* _WORK TO BE COMPLETED_
Count every line of these entries that holds the word "IFCMATERIAL", and reply with the number only.

(Saved entries)

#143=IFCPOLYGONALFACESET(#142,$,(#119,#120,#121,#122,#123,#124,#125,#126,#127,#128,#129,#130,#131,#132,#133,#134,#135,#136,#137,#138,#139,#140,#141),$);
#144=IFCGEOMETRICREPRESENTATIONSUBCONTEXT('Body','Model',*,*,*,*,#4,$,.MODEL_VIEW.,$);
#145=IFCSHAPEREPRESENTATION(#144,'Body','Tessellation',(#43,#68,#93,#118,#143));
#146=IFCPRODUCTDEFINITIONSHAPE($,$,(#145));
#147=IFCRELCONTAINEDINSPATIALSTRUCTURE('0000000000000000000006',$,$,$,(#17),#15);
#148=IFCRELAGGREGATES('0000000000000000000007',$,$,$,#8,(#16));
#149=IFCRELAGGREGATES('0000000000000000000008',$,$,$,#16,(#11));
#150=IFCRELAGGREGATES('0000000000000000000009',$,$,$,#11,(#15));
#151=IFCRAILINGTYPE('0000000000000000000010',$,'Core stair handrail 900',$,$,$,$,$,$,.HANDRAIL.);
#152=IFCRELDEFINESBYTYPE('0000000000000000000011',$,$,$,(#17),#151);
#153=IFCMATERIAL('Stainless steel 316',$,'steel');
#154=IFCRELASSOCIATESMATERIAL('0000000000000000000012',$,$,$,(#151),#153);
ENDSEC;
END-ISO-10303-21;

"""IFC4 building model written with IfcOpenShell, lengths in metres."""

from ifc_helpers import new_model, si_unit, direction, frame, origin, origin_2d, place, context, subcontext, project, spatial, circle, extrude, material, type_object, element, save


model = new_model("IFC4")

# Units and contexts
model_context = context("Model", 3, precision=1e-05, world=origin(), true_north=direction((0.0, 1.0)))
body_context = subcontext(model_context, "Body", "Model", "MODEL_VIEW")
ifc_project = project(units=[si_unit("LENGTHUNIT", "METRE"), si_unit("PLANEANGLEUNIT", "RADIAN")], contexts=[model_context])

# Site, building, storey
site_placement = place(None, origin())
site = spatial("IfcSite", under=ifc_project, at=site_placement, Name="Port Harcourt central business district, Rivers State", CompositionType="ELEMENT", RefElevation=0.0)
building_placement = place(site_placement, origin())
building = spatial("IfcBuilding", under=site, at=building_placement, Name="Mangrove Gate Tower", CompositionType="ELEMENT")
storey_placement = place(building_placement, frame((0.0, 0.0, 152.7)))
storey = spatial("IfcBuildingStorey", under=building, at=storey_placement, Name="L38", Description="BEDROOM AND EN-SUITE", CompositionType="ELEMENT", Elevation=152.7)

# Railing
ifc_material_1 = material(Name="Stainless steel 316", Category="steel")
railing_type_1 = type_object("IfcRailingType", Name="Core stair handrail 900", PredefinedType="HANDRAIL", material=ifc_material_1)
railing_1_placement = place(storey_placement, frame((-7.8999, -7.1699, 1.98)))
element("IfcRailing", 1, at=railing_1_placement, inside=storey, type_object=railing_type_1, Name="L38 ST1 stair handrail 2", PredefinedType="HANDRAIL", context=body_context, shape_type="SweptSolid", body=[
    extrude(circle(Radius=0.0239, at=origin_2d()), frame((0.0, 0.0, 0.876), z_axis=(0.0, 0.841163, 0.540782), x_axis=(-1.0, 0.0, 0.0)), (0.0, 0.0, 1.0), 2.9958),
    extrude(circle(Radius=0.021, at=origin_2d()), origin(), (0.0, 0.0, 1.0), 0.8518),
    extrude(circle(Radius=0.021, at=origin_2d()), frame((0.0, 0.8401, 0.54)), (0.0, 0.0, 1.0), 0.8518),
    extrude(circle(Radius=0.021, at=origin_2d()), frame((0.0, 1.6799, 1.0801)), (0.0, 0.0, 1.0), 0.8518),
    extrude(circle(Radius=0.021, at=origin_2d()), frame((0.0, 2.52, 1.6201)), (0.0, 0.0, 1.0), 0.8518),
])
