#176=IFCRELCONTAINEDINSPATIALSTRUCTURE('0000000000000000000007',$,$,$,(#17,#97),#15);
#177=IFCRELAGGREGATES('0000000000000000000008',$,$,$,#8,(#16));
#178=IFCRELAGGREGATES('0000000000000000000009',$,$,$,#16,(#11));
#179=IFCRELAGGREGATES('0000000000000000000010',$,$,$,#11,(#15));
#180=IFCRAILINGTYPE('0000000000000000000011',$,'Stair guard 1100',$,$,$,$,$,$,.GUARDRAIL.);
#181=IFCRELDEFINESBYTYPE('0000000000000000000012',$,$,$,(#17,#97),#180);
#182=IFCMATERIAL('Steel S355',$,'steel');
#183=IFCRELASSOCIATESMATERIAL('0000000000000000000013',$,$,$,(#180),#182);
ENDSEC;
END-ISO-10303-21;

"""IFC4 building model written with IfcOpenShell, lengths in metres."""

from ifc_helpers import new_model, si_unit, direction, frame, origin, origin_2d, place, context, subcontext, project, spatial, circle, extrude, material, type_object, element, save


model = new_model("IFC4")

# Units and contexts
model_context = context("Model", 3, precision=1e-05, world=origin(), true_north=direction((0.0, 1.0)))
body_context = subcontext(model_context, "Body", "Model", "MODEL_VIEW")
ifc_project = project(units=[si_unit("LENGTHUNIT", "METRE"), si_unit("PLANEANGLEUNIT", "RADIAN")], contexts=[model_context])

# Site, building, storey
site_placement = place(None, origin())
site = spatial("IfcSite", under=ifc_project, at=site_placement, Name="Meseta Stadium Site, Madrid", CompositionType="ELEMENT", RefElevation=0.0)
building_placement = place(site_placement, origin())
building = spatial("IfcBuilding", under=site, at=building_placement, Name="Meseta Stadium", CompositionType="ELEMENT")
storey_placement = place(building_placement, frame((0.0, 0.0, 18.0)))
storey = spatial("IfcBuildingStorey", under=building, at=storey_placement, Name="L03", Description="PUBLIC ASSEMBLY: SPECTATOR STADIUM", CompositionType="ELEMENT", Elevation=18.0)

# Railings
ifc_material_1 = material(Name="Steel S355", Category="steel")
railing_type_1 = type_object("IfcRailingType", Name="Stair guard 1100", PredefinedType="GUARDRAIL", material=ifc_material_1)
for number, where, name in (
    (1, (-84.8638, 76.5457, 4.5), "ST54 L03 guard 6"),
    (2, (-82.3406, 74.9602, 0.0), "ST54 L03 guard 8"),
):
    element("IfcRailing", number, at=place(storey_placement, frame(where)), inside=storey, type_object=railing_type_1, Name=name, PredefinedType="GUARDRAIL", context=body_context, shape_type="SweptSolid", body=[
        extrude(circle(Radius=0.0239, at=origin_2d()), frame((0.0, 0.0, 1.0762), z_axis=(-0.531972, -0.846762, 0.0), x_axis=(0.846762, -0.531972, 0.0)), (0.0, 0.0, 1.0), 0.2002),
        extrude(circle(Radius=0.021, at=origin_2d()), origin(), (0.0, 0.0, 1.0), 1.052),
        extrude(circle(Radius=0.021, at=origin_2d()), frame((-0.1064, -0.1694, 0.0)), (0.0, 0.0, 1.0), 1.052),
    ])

* _ANSWER FOR THIS EXERCISE_
2